REQUIREMENT.
Lines from the top of the entries through the line that has "#166=IFCINDEXEDPOLYGONALFACE((39,40,42,41));" must be duplicated exactly, and no others.

-------- EXERCISE DATA --------

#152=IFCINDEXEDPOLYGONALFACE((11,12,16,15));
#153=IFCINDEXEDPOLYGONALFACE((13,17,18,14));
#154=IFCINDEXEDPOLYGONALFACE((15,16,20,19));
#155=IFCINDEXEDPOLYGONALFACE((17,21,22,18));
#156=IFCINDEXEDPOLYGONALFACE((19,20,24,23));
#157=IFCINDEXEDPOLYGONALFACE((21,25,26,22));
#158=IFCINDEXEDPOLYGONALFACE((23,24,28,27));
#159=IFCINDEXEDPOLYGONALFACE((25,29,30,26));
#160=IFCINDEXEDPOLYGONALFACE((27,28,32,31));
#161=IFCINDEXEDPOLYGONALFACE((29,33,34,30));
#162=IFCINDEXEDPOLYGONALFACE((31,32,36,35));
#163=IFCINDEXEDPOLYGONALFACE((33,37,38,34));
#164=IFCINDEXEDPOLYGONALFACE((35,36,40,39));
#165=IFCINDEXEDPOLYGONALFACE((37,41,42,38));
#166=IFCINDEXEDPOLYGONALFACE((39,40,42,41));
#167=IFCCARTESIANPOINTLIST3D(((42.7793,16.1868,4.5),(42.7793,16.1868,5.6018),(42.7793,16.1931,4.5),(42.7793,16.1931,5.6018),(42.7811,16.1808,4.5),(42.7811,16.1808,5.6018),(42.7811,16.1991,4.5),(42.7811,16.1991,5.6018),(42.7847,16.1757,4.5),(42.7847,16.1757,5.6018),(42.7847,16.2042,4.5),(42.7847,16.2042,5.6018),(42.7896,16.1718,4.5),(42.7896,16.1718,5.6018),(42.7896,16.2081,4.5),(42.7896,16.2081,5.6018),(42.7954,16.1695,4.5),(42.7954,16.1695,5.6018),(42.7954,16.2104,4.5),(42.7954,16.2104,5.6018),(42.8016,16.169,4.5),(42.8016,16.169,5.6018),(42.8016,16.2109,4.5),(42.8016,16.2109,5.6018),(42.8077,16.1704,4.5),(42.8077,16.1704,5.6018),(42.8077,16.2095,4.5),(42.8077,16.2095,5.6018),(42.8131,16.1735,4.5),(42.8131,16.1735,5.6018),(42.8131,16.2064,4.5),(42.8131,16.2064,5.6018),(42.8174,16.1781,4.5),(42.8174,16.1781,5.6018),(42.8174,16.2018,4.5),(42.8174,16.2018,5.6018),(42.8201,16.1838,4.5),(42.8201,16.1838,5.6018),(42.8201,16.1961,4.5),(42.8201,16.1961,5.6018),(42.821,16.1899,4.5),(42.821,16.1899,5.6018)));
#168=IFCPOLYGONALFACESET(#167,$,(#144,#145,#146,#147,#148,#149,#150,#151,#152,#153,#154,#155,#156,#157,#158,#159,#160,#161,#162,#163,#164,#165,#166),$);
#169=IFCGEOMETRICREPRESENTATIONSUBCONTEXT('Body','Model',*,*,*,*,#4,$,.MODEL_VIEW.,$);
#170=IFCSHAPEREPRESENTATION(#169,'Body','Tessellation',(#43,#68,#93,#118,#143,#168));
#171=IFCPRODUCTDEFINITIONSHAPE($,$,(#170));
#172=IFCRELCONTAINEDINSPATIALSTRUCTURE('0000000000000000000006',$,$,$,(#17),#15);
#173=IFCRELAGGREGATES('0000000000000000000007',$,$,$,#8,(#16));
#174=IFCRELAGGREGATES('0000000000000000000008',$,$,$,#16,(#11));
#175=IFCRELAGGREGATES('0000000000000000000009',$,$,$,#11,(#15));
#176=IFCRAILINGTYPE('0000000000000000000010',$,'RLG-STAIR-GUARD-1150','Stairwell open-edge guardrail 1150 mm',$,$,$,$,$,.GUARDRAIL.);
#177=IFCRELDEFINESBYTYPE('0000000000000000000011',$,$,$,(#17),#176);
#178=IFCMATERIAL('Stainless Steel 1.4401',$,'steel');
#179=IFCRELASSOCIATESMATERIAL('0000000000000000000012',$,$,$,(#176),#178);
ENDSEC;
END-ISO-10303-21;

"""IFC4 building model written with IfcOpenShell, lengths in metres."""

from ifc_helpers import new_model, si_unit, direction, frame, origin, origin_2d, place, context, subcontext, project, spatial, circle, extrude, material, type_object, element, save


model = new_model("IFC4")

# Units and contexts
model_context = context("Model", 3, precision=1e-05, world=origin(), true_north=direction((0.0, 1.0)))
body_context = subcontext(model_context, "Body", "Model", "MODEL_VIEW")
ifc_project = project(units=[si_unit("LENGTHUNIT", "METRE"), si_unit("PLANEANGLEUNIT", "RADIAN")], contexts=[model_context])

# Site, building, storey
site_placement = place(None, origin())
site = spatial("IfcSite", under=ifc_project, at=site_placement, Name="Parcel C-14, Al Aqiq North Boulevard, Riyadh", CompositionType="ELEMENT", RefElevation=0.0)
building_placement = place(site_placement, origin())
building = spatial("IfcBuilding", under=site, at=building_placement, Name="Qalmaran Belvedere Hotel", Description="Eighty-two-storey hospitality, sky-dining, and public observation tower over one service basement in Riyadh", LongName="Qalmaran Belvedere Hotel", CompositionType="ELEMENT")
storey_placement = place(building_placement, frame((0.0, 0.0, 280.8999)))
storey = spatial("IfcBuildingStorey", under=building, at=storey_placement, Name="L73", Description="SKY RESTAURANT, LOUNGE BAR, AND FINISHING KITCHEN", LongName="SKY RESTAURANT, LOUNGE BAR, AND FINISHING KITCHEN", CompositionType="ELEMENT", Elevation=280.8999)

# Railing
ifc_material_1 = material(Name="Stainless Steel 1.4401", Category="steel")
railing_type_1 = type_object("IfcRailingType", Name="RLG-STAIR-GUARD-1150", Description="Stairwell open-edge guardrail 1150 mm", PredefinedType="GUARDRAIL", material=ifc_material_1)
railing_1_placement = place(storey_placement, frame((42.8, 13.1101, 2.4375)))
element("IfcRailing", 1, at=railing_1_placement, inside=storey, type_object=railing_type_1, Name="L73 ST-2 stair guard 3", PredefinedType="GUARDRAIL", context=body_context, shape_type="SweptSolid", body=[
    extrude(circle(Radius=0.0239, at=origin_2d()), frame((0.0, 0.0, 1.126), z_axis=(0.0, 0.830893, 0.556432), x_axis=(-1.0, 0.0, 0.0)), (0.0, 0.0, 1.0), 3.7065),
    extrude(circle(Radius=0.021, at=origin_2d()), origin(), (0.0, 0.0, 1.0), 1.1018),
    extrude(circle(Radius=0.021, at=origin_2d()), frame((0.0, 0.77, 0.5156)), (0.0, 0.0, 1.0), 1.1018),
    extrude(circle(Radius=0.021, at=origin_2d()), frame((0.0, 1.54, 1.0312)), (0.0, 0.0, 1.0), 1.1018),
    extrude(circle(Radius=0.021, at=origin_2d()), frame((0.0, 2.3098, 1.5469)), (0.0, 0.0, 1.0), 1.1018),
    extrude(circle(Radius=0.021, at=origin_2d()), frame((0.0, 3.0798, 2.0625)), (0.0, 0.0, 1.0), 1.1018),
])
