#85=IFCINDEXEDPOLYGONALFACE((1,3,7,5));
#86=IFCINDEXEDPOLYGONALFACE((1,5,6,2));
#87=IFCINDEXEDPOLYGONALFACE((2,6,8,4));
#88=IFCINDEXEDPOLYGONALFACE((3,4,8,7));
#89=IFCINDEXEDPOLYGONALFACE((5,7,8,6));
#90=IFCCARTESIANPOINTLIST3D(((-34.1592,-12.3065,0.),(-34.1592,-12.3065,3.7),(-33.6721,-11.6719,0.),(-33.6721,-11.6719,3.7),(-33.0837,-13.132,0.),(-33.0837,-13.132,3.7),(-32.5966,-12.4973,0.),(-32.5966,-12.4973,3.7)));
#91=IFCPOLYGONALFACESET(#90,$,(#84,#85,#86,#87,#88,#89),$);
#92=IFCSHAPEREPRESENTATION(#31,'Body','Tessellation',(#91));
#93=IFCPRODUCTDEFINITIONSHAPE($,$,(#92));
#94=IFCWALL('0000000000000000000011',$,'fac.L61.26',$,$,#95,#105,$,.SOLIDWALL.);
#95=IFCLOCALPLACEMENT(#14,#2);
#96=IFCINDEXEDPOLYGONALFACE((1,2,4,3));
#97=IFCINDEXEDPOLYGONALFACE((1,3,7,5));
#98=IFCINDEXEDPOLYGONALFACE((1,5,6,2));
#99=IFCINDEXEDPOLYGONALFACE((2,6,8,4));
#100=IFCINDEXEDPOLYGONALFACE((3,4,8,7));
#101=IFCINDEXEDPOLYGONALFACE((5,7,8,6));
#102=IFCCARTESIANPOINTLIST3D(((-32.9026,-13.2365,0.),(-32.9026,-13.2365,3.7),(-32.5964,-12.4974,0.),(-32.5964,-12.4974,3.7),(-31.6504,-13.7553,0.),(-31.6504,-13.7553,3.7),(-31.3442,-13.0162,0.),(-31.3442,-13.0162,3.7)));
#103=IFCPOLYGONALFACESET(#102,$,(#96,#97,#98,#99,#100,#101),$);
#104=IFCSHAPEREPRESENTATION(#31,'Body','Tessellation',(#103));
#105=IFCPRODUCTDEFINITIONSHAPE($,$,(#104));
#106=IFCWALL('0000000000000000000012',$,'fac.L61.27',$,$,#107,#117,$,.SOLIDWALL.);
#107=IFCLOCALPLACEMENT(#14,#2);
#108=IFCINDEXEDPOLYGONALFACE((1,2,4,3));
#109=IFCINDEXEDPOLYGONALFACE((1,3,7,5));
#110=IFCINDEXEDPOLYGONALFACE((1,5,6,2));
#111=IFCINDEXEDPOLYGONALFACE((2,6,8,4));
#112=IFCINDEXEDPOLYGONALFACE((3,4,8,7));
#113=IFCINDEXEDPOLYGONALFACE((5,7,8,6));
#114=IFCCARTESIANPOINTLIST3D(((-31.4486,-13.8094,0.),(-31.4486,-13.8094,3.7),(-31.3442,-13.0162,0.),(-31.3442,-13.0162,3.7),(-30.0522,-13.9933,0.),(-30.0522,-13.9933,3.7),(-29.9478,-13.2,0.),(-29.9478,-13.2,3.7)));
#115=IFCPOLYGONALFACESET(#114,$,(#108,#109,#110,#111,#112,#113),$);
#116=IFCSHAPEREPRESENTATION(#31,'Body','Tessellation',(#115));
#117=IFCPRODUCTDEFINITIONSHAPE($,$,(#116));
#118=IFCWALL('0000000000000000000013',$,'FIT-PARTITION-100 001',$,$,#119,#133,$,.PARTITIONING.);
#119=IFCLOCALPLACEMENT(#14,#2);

--------

SOLVED EXERCISE.
#152=IFCINDEXEDPOLYGONALFACE((11,12,16,15));
#153=IFCINDEXEDPOLYGONALFACE((13,17,18,14));
#154=IFCINDEXEDPOLYGONALFACE((15,16,20,19));
#155=IFCINDEXEDPOLYGONALFACE((17,21,22,18));
#156=IFCINDEXEDPOLYGONALFACE((19,20,24,23));
#157=IFCINDEXEDPOLYGONALFACE((21,25,26,22));
#158=IFCINDEXEDPOLYGONALFACE((23,24,28,27));
#159=IFCINDEXEDPOLYGONALFACE((25,29,30,26));
#160=IFCINDEXEDPOLYGONALFACE((27,28,32,31));
#161=IFCINDEXEDPOLYGONALFACE((29,33,34,30));
#162=IFCINDEXEDPOLYGONALFACE((31,32,36,35));
#163=IFCINDEXEDPOLYGONALFACE((33,37,38,34));
#164=IFCINDEXEDPOLYGONALFACE((35,36,40,39));
#165=IFCINDEXEDPOLYGONALFACE((37,41,42,38));
#166=IFCINDEXEDPOLYGONALFACE((39,40,42,41));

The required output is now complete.